_Information given_:

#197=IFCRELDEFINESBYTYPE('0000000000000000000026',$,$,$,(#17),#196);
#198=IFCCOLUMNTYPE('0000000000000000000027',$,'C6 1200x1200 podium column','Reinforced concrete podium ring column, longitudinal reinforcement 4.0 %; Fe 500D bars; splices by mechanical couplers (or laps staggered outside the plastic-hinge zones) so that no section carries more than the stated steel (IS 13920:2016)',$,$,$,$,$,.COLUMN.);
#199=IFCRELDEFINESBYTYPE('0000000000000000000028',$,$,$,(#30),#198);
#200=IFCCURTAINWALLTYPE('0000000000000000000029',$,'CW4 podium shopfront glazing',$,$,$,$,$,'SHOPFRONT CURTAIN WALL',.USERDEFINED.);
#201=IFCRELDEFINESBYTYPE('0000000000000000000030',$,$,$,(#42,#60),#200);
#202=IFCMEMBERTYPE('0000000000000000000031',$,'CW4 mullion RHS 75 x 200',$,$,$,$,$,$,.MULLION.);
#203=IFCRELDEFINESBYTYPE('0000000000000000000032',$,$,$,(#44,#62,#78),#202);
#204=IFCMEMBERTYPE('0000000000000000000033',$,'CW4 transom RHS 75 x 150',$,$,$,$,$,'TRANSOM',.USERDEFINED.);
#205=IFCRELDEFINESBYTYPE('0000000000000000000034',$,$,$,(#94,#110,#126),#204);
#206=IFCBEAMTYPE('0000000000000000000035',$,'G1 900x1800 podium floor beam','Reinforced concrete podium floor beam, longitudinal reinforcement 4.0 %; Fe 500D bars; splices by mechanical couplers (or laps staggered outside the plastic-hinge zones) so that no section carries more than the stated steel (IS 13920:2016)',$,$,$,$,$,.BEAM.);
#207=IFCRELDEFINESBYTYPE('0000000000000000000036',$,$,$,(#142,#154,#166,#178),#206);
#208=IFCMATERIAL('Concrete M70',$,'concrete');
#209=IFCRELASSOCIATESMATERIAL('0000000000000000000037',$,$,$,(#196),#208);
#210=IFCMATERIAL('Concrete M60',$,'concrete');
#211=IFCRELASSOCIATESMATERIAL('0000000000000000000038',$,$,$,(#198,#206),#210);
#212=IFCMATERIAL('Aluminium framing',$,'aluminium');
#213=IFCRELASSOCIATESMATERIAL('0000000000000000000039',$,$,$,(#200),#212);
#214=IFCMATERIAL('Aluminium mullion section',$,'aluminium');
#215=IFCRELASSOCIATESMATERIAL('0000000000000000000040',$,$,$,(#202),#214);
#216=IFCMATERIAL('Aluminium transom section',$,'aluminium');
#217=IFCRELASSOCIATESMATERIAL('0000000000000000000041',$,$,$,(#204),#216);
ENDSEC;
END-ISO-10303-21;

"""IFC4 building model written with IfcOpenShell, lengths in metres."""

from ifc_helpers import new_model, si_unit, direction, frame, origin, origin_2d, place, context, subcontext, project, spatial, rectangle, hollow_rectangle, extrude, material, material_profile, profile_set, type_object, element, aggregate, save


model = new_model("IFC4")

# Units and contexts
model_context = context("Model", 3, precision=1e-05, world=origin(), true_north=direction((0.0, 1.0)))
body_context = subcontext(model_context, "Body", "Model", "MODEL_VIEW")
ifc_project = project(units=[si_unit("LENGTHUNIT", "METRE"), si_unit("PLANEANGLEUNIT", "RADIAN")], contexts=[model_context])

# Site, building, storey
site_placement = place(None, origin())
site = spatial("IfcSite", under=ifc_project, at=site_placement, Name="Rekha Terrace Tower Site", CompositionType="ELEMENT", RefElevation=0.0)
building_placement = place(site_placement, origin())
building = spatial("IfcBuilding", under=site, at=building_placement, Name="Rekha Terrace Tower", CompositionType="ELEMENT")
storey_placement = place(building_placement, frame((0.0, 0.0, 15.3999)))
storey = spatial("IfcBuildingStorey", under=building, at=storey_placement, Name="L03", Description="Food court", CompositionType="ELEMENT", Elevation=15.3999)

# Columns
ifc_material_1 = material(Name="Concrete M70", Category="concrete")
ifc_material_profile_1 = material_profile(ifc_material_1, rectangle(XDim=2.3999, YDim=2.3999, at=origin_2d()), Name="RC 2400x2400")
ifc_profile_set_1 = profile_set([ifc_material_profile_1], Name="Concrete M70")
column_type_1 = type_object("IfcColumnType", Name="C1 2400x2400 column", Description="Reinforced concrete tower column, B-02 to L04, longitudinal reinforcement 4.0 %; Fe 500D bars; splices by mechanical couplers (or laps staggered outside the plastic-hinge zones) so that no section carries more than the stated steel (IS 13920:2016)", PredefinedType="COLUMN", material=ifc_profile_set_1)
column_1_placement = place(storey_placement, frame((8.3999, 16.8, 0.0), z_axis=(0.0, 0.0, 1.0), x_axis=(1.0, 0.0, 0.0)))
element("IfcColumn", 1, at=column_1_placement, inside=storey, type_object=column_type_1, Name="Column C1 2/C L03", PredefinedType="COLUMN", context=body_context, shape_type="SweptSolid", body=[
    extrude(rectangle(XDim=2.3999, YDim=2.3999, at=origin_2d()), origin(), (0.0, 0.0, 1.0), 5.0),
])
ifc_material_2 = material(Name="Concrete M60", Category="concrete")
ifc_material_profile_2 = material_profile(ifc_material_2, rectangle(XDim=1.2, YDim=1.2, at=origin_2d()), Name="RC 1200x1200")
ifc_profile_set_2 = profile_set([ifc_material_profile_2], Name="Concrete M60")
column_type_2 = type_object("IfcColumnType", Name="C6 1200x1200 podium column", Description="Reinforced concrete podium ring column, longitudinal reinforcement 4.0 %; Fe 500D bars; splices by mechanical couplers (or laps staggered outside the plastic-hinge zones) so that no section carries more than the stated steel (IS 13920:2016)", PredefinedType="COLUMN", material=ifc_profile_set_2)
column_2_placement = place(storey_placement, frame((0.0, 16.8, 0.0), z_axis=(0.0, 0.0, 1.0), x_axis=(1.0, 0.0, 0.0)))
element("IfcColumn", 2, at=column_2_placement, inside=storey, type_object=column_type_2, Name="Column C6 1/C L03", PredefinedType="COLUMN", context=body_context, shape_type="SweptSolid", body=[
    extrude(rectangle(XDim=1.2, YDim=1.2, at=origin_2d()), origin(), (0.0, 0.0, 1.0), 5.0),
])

_Exercise instructions_: Scan the material for the word "Rekha". Return every line where it is found.

_Output for this task_:
site = spatial("IfcSite", under=ifc_project, at=site_placement, Name="Rekha Terrace Tower Site", CompositionType="ELEMENT", RefElevation=0.0)
building = spatial("IfcBuilding", under=site, at=building_placement, Name="Rekha Terrace Tower", CompositionType="ELEMENT")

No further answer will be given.